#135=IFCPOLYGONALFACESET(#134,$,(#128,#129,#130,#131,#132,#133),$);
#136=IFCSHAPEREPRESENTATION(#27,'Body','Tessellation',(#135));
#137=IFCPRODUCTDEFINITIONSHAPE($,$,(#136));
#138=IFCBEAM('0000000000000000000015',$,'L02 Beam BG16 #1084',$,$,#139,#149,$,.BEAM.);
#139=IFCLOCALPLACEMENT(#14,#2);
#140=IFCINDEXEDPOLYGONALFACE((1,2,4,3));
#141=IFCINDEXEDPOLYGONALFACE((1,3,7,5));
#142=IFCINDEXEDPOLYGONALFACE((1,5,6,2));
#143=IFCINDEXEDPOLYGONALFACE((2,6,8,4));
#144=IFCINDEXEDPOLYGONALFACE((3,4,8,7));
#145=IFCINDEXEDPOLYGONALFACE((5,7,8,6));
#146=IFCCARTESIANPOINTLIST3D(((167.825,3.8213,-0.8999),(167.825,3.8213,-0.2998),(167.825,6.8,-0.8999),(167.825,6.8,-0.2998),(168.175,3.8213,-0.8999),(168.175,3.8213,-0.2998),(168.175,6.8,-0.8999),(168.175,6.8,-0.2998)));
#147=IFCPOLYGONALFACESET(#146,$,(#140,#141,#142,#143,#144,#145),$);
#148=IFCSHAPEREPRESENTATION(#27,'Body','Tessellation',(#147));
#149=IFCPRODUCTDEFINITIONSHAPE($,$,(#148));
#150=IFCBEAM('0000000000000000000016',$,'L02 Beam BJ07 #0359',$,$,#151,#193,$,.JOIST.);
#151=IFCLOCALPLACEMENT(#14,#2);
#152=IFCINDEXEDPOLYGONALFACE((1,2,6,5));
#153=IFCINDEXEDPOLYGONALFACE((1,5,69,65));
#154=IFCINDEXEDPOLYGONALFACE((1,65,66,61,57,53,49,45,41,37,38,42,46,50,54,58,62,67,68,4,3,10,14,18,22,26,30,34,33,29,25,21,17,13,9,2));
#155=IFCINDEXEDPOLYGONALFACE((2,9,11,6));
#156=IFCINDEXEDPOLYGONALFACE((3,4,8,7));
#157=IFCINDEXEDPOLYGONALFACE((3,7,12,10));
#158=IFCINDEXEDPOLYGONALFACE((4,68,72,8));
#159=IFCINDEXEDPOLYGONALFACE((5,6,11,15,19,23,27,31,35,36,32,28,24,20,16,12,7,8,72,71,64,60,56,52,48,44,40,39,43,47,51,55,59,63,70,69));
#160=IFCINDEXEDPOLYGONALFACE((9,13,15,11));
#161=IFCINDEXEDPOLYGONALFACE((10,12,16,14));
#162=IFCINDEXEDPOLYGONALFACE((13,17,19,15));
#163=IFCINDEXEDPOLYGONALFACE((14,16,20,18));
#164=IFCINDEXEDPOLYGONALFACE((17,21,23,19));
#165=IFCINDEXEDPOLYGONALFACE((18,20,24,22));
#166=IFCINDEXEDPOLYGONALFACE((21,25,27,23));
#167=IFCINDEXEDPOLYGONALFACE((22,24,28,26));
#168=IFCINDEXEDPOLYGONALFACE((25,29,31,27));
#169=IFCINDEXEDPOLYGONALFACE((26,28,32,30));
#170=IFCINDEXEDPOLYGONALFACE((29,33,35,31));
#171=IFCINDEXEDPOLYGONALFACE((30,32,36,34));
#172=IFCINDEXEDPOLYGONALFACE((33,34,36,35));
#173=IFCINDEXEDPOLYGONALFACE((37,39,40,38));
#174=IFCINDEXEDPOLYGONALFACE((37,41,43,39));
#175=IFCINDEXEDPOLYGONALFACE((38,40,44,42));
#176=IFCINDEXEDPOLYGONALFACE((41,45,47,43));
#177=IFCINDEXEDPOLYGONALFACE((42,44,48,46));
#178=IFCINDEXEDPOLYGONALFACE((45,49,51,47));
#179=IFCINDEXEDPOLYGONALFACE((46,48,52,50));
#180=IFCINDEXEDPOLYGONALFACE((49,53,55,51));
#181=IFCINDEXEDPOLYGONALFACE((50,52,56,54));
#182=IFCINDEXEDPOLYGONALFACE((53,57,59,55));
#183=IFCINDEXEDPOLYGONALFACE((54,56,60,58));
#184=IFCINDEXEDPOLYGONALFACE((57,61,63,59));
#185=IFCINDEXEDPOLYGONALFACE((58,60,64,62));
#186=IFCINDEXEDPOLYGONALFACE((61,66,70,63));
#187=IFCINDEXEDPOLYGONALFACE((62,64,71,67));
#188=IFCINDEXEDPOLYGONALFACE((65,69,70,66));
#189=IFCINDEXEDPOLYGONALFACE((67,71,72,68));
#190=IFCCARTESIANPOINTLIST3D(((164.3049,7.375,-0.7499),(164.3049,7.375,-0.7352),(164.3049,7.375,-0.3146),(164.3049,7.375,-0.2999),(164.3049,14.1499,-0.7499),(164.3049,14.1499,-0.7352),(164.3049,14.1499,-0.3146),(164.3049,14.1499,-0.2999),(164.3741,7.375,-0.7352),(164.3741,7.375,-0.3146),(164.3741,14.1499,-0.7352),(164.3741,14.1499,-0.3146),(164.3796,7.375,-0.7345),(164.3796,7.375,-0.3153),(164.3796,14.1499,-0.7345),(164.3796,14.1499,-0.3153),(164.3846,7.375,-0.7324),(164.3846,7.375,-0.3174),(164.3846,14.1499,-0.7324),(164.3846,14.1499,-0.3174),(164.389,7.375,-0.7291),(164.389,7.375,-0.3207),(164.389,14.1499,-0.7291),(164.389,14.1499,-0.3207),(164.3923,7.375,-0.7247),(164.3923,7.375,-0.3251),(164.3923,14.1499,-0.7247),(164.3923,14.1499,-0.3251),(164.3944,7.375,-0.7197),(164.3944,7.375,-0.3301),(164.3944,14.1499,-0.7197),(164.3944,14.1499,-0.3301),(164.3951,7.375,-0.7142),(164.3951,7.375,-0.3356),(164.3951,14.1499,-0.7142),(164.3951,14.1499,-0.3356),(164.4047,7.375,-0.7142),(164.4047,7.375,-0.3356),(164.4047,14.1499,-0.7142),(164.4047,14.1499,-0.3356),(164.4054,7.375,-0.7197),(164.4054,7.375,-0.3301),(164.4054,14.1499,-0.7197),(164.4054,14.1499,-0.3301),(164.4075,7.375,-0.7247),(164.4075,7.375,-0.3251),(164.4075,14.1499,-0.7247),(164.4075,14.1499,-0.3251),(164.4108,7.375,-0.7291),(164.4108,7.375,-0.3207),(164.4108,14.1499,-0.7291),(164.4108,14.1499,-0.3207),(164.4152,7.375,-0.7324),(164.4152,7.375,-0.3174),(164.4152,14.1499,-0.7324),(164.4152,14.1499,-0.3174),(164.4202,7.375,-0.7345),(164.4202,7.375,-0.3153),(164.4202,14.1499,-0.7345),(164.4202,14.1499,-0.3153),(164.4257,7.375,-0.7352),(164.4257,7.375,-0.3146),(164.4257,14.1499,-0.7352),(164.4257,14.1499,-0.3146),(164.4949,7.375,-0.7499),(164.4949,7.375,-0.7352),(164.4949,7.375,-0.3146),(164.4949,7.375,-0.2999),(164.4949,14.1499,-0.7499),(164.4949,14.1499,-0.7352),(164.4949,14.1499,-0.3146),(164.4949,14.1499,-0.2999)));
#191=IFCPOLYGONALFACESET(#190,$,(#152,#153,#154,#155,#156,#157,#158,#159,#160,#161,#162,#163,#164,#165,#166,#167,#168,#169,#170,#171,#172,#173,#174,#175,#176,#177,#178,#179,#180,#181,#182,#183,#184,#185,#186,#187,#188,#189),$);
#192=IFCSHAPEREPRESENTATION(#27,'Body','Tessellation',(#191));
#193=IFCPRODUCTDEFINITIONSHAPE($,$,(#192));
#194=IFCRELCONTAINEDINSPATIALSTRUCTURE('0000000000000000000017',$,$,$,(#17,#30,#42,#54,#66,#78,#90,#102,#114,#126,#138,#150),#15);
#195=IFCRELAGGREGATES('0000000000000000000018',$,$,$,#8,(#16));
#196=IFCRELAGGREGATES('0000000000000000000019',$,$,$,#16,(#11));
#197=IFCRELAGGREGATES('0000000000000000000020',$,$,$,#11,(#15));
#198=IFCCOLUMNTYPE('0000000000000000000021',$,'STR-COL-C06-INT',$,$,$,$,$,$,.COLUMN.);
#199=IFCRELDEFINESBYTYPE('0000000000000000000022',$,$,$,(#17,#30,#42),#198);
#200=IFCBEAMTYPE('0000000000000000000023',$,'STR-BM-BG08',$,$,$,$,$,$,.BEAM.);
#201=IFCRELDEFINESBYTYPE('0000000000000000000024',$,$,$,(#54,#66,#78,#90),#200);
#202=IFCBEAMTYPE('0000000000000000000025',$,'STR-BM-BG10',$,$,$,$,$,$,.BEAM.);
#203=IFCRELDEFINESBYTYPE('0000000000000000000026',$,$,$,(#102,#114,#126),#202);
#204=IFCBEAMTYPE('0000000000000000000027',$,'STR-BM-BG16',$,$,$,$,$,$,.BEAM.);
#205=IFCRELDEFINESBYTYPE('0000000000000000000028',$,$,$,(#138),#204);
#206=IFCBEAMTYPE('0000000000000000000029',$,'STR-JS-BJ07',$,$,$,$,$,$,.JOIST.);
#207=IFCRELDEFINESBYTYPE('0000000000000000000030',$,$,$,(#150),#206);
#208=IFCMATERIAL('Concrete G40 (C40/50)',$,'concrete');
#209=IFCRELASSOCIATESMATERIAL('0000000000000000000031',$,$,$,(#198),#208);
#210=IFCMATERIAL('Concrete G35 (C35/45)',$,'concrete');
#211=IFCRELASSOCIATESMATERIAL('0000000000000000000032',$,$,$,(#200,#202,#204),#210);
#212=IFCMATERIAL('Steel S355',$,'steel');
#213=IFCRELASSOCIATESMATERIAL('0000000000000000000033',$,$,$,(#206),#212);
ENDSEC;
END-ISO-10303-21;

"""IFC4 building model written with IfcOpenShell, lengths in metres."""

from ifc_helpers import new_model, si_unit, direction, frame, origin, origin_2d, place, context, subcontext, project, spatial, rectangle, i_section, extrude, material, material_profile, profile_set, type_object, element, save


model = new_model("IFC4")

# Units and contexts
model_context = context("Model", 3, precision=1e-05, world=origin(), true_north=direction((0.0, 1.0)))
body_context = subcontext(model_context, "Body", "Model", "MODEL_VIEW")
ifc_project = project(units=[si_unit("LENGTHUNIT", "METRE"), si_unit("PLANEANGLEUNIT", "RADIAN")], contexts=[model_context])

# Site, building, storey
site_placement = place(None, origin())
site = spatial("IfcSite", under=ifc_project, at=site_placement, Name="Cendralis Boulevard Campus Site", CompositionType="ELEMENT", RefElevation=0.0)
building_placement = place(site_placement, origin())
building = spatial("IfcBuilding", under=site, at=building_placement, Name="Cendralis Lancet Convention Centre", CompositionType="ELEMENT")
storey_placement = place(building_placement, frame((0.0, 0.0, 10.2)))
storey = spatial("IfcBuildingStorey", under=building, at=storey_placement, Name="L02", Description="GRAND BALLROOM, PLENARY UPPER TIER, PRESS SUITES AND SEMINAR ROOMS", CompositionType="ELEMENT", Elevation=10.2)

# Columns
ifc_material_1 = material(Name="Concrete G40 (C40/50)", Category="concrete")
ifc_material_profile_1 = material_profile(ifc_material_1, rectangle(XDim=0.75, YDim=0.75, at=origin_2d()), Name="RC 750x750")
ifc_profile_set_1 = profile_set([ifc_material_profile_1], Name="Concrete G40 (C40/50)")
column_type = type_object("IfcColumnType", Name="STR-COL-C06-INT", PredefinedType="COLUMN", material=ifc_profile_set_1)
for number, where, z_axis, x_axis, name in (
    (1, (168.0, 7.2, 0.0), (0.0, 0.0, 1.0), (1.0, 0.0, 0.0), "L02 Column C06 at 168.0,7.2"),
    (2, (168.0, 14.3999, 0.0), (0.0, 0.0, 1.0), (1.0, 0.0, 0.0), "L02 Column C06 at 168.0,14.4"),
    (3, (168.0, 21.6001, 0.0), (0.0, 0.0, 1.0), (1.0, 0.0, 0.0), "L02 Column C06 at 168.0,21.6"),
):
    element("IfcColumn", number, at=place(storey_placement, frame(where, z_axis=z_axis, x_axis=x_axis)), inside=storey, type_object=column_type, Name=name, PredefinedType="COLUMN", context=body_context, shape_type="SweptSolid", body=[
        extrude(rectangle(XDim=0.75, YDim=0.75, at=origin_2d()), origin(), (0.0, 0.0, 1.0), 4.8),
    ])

______________________________

EXERCISE PROMPT:
Copy nothing beyond the line containing "#138=IFCBEAM('0000000000000000000015',$,'L02 Beam BG16". Transcribe exactly from the first line of the entries down to that line, inclusive.

RESPONSE BOX:
#135=IFCPOLYGONALFACESET(#134,$,(#128,#129,#130,#131,#132,#133),$);
#136=IFCSHAPEREPRESENTATION(#27,'Body','Tessellation',(#135));
#137=IFCPRODUCTDEFINITIONSHAPE($,$,(#136));
#138=IFCBEAM('0000000000000000000015',$,'L02 Beam BG16 #1084',$,$,#139,#149,$,.BEAM.);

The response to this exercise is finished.